WHAT YOU SHOULD DO
Return every line of the entries that includes the word "IFCSHAPEREPRESENTATION".

DATA RECORDS
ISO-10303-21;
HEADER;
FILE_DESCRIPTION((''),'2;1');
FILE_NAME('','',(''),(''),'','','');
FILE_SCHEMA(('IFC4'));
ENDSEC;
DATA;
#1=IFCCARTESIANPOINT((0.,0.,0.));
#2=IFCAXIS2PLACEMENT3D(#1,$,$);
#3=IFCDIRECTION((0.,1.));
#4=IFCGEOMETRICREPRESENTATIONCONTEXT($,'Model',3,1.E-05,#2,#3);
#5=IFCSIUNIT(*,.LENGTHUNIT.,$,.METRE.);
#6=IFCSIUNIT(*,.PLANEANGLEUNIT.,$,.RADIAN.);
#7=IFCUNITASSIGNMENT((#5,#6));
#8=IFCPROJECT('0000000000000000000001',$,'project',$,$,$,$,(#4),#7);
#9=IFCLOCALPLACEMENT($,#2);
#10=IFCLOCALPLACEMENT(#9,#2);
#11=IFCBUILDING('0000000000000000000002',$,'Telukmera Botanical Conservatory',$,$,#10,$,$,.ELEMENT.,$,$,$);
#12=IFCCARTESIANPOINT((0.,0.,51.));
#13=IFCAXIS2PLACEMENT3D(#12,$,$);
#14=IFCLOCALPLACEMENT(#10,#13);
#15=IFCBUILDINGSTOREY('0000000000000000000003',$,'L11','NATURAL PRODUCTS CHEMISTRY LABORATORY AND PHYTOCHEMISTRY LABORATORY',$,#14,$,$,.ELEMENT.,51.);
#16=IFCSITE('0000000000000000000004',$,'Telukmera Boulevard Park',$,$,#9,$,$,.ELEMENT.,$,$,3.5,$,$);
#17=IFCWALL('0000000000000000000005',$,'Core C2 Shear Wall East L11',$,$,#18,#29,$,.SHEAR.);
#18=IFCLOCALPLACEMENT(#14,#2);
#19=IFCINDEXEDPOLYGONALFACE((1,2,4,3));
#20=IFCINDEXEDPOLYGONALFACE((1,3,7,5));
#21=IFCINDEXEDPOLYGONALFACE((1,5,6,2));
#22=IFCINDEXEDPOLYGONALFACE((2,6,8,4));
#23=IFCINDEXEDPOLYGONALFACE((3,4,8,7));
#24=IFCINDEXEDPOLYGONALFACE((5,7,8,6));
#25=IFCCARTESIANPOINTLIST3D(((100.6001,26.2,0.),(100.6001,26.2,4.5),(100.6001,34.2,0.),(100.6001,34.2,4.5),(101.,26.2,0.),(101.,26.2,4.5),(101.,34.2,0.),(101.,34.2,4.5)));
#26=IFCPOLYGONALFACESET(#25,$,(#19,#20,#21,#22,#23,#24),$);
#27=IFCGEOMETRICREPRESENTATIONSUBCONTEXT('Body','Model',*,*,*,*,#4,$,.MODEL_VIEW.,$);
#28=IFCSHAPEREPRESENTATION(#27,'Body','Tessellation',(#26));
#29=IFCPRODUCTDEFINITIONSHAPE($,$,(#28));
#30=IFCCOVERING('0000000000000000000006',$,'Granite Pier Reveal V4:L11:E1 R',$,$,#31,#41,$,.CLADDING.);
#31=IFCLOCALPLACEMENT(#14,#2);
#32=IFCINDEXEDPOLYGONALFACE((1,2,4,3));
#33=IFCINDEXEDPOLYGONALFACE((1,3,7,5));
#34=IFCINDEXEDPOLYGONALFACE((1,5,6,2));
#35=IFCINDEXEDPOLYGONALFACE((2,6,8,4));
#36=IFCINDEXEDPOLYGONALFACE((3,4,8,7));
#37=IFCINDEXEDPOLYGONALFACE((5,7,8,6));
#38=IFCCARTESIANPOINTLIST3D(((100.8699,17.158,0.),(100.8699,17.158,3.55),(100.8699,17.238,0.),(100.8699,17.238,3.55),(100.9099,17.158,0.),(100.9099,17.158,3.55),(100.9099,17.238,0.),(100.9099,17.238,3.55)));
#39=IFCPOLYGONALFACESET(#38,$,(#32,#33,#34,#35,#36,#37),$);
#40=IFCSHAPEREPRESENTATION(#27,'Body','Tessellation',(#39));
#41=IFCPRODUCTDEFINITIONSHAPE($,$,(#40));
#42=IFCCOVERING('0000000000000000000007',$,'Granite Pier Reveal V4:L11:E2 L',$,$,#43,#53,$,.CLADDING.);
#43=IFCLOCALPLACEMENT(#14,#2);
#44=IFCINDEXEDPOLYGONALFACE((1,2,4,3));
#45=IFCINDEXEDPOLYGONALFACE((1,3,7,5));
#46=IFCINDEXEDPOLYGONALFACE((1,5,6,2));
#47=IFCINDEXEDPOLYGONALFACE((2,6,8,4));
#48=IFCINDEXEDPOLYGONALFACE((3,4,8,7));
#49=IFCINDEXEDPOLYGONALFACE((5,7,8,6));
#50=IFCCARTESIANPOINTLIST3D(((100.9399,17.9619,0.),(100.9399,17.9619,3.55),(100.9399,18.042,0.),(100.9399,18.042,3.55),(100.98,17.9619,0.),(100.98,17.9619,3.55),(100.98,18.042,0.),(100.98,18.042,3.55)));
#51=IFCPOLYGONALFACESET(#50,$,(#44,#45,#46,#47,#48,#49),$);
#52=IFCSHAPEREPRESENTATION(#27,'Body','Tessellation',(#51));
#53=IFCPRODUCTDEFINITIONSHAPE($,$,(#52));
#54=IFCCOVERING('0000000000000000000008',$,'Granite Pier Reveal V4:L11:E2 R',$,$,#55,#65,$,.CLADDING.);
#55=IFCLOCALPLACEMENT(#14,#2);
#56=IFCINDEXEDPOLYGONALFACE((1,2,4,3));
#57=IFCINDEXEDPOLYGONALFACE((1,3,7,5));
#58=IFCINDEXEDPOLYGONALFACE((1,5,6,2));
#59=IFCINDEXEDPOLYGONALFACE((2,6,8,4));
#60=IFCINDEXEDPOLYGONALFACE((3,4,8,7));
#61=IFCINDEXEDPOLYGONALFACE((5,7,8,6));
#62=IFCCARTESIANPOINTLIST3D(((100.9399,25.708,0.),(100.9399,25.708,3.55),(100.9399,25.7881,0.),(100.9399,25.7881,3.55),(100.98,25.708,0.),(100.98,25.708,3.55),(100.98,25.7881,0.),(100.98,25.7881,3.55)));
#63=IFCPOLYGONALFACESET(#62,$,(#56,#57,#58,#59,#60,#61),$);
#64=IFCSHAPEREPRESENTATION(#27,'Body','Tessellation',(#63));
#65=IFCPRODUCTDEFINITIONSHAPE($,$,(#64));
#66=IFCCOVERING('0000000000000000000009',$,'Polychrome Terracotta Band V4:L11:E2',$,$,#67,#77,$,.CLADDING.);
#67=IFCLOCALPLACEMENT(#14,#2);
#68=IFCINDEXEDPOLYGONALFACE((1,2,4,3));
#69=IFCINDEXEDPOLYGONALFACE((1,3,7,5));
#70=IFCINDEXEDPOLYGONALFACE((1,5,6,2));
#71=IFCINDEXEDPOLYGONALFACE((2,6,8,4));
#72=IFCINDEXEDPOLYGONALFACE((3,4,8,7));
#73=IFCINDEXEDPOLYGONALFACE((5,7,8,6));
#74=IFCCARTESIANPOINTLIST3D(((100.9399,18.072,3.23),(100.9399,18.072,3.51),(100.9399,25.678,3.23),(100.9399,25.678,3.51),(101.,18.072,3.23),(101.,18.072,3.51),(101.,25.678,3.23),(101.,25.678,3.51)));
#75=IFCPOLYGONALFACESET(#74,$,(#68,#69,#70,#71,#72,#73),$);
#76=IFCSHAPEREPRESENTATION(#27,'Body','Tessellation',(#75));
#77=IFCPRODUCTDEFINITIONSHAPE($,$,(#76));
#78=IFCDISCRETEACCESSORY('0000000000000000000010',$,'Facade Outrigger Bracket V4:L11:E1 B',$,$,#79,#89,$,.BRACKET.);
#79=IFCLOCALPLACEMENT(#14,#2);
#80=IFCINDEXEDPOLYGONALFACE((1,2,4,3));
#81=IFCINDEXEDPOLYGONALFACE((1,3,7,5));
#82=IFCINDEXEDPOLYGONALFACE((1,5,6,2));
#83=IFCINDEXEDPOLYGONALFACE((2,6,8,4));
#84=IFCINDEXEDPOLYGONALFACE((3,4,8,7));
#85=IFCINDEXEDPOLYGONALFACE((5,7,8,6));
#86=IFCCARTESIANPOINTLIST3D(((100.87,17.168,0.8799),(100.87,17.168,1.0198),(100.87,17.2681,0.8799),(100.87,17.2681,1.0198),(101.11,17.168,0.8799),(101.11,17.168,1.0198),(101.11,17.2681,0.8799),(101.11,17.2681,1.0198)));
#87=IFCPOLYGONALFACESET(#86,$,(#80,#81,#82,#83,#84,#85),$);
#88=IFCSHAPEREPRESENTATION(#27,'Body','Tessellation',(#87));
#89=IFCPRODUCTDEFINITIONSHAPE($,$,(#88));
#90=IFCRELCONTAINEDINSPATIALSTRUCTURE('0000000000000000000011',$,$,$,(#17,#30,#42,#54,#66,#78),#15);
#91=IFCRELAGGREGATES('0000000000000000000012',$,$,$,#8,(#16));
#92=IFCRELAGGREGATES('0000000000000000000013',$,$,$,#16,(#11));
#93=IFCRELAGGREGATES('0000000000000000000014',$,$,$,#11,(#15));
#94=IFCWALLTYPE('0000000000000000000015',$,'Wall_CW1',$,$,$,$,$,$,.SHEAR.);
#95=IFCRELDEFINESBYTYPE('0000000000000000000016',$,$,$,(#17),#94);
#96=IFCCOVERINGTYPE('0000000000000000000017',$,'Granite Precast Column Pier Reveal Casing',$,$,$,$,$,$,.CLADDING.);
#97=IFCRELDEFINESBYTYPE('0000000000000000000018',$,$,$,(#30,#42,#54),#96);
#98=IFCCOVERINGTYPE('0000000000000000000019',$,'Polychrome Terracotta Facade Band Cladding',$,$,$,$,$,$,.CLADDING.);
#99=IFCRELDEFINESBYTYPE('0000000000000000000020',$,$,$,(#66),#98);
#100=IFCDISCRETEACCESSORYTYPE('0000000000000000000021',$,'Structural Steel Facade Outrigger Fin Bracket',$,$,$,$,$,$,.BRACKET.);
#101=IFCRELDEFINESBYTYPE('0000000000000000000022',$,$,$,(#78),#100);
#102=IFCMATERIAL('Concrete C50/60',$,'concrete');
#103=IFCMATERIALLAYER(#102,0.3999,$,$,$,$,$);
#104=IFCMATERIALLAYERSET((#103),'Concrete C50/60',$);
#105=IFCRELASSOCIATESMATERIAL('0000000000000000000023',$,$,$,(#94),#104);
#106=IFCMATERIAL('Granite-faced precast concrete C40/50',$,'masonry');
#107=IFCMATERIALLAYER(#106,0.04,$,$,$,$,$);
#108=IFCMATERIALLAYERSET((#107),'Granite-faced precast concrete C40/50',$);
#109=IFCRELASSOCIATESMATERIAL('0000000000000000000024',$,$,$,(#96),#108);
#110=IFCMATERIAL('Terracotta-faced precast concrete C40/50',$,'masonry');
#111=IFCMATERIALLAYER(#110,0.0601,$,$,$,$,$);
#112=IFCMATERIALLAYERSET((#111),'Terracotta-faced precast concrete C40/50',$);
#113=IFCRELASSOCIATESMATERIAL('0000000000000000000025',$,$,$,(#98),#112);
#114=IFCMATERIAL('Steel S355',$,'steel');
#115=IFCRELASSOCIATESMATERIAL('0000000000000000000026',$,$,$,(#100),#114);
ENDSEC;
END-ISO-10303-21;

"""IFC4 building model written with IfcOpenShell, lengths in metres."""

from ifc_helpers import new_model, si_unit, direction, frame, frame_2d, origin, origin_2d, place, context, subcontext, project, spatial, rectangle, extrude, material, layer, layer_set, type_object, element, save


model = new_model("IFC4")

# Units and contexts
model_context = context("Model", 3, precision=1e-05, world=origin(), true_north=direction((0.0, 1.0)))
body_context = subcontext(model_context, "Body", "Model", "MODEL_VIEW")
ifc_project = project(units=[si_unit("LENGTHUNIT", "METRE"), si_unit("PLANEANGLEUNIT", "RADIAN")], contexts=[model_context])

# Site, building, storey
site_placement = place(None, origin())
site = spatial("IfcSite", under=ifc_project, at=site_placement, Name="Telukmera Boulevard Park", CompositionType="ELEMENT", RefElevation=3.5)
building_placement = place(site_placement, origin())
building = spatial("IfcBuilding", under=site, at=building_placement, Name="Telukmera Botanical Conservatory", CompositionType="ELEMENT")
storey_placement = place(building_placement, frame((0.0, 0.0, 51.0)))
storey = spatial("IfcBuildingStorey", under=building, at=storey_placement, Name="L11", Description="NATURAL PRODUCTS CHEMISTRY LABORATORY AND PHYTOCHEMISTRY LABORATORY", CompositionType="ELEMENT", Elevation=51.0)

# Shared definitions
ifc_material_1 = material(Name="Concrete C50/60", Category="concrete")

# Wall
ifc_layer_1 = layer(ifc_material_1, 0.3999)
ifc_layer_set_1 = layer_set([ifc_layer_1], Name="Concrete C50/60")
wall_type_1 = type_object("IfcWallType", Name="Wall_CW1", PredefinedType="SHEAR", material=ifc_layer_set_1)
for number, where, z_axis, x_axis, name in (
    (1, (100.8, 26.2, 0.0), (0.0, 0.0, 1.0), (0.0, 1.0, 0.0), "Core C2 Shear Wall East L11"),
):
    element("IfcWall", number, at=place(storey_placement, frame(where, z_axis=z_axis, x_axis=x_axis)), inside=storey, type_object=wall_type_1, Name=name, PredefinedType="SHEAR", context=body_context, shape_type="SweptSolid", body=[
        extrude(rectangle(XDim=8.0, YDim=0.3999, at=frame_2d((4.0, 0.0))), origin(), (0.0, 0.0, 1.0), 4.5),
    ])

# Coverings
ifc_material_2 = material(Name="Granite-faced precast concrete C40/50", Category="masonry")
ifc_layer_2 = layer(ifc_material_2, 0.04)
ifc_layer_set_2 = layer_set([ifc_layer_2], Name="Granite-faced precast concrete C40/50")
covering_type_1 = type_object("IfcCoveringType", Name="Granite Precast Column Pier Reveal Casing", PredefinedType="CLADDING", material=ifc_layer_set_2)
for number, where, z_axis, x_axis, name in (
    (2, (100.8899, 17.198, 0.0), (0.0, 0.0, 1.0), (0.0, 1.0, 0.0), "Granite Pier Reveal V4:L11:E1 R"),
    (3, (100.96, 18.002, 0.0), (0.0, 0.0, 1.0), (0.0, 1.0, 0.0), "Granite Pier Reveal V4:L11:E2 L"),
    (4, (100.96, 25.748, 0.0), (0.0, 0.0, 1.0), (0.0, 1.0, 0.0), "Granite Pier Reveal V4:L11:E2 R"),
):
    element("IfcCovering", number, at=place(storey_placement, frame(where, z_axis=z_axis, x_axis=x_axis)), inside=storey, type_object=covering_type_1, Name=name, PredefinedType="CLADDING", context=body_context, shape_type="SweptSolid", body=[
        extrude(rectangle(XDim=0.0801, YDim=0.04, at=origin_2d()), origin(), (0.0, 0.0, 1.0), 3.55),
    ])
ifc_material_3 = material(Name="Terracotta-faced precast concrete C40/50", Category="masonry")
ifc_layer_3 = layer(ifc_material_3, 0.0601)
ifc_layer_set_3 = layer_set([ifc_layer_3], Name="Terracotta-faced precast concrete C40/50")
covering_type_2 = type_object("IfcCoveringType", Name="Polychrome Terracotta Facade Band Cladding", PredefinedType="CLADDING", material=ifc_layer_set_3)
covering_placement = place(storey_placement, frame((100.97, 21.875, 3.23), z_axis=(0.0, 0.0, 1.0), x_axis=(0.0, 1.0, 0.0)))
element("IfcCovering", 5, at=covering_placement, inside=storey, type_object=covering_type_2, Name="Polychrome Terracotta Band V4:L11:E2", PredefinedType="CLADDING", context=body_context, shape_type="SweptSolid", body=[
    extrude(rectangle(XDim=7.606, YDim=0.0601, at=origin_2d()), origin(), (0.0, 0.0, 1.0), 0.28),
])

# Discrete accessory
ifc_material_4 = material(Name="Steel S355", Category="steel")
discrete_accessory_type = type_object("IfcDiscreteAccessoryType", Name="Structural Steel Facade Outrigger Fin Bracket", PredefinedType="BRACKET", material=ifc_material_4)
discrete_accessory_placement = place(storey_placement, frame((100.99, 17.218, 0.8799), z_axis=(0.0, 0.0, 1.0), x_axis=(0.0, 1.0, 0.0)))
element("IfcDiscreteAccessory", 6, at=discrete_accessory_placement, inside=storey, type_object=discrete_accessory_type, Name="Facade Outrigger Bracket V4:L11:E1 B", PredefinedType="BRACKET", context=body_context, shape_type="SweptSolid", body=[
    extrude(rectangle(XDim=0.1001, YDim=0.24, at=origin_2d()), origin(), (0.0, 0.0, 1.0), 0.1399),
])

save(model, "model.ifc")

TASK ANSWER
#28=IFCSHAPEREPRESENTATION(#27,'Body','Tessellation',(#26));
#40=IFCSHAPEREPRESENTATION(#27,'Body','Tessellation',(#39));
#52=IFCSHAPEREPRESENTATION(#27,'Body','Tessellation',(#51));
#64=IFCSHAPEREPRESENTATION(#27,'Body','Tessellation',(#63));
#76=IFCSHAPEREPRESENTATION(#27,'Body','Tessellation',(#75));
#88=IFCSHAPEREPRESENTATION(#27,'Body','Tessellation',(#87));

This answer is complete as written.